* What you have to do *
Below are the entries; give again exactly the lines from the one mentioning "#32=IFCINDEXEDPOLYGONALFACE((17,18,24,23));" through the one mentioning "#23=IFCINDEXEDPOLYGONALFACE((3,7,9,5));", inclusive.

********************

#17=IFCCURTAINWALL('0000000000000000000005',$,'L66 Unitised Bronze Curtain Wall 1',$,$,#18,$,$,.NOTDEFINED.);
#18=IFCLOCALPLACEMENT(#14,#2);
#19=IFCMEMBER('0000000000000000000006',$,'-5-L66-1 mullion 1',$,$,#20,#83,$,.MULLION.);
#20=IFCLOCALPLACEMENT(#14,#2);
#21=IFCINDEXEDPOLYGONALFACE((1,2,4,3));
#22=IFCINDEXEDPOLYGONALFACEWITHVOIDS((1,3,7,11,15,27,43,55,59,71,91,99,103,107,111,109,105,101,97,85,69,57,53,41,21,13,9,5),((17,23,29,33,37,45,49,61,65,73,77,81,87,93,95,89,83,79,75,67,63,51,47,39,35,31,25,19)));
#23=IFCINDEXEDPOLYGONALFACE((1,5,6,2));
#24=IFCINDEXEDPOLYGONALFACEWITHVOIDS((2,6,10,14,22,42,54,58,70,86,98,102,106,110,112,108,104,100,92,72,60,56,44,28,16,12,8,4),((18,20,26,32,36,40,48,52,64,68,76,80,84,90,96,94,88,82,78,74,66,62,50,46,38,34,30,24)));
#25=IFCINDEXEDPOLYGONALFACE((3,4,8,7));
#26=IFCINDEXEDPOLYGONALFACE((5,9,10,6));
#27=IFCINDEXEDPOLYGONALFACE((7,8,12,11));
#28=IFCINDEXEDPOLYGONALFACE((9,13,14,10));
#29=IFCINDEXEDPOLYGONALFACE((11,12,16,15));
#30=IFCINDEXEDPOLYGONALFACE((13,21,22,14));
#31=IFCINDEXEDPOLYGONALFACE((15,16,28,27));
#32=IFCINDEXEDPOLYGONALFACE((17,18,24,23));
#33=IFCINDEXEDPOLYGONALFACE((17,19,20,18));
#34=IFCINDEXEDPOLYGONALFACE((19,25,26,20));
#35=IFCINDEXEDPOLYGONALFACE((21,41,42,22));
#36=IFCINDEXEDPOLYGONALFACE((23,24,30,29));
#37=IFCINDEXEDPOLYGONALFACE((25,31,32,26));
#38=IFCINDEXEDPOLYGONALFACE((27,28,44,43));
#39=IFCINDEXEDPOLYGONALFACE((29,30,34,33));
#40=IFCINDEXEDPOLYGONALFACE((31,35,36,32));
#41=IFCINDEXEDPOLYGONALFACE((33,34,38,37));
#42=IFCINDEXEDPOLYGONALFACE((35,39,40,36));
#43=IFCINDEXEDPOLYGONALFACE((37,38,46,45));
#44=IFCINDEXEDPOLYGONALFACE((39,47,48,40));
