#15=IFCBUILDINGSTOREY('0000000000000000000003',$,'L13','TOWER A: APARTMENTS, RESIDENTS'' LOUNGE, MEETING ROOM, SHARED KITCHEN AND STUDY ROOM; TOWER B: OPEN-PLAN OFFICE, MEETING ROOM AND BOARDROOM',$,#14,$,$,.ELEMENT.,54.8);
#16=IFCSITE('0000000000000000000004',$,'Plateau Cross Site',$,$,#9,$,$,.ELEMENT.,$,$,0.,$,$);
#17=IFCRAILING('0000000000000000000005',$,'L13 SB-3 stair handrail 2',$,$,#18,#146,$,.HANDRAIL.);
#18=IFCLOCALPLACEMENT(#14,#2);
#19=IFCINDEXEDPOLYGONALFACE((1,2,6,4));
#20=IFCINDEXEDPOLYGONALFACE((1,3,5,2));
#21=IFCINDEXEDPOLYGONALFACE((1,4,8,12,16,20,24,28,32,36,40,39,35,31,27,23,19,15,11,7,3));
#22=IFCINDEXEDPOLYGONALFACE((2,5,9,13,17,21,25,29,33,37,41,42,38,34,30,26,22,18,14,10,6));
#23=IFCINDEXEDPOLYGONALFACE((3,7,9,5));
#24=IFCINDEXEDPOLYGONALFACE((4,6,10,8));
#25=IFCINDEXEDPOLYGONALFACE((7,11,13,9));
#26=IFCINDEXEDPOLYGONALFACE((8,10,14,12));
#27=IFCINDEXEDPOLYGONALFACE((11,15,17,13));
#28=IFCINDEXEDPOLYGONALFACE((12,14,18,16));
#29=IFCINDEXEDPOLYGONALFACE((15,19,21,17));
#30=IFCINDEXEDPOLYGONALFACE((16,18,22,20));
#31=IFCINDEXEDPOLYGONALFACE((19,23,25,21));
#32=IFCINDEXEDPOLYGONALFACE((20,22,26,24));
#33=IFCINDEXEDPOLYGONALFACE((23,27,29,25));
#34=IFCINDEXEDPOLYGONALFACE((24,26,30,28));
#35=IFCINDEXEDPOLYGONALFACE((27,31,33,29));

********************

* Your solution *
#32=IFCINDEXEDPOLYGONALFACE((17,18,24,23));
#33=IFCINDEXEDPOLYGONALFACE((17,19,20,18));
#34=IFCINDEXEDPOLYGONALFACE((19,25,26,20));
#35=IFCINDEXEDPOLYGONALFACE((21,41,42,22));
#36=IFCINDEXEDPOLYGONALFACE((23,24,30,29));
#37=IFCINDEXEDPOLYGONALFACE((25,31,32,26));
#38=IFCINDEXEDPOLYGONALFACE((27,28,44,43));
#39=IFCINDEXEDPOLYGONALFACE((29,30,34,33));
#40=IFCINDEXEDPOLYGONALFACE((31,35,36,32));
#41=IFCINDEXEDPOLYGONALFACE((33,34,38,37));
#42=IFCINDEXEDPOLYGONALFACE((35,39,40,36));
#43=IFCINDEXEDPOLYGONALFACE((37,38,46,45));
#44=IFCINDEXEDPOLYGONALFACE((39,47,48,40));
#15=IFCBUILDINGSTOREY('0000000000000000000003',$,'L13','TOWER A: APARTMENTS, RESIDENTS'' LOUNGE, MEETING ROOM, SHARED KITCHEN AND STUDY ROOM; TOWER B: OPEN-PLAN OFFICE, MEETING ROOM AND BOARDROOM',$,#14,$,$,.ELEMENT.,54.8);
#16=IFCSITE('0000000000000000000004',$,'Plateau Cross Site',$,$,#9,$,$,.ELEMENT.,$,$,0.,$,$);
#17=IFCRAILING('0000000000000000000005',$,'L13 SB-3 stair handrail 2',$,$,#18,#146,$,.HANDRAIL.);
#18=IFCLOCALPLACEMENT(#14,#2);
#19=IFCINDEXEDPOLYGONALFACE((1,2,6,4));
#20=IFCINDEXEDPOLYGONALFACE((1,3,5,2));
#21=IFCINDEXEDPOLYGONALFACE((1,4,8,12,16,20,24,28,32,36,40,39,35,31,27,23,19,15,11,7,3));
#22=IFCINDEXEDPOLYGONALFACE((2,5,9,13,17,21,25,29,33,37,41,42,38,34,30,26,22,18,14,10,6));
#23=IFCINDEXEDPOLYGONALFACE((3,7,9,5));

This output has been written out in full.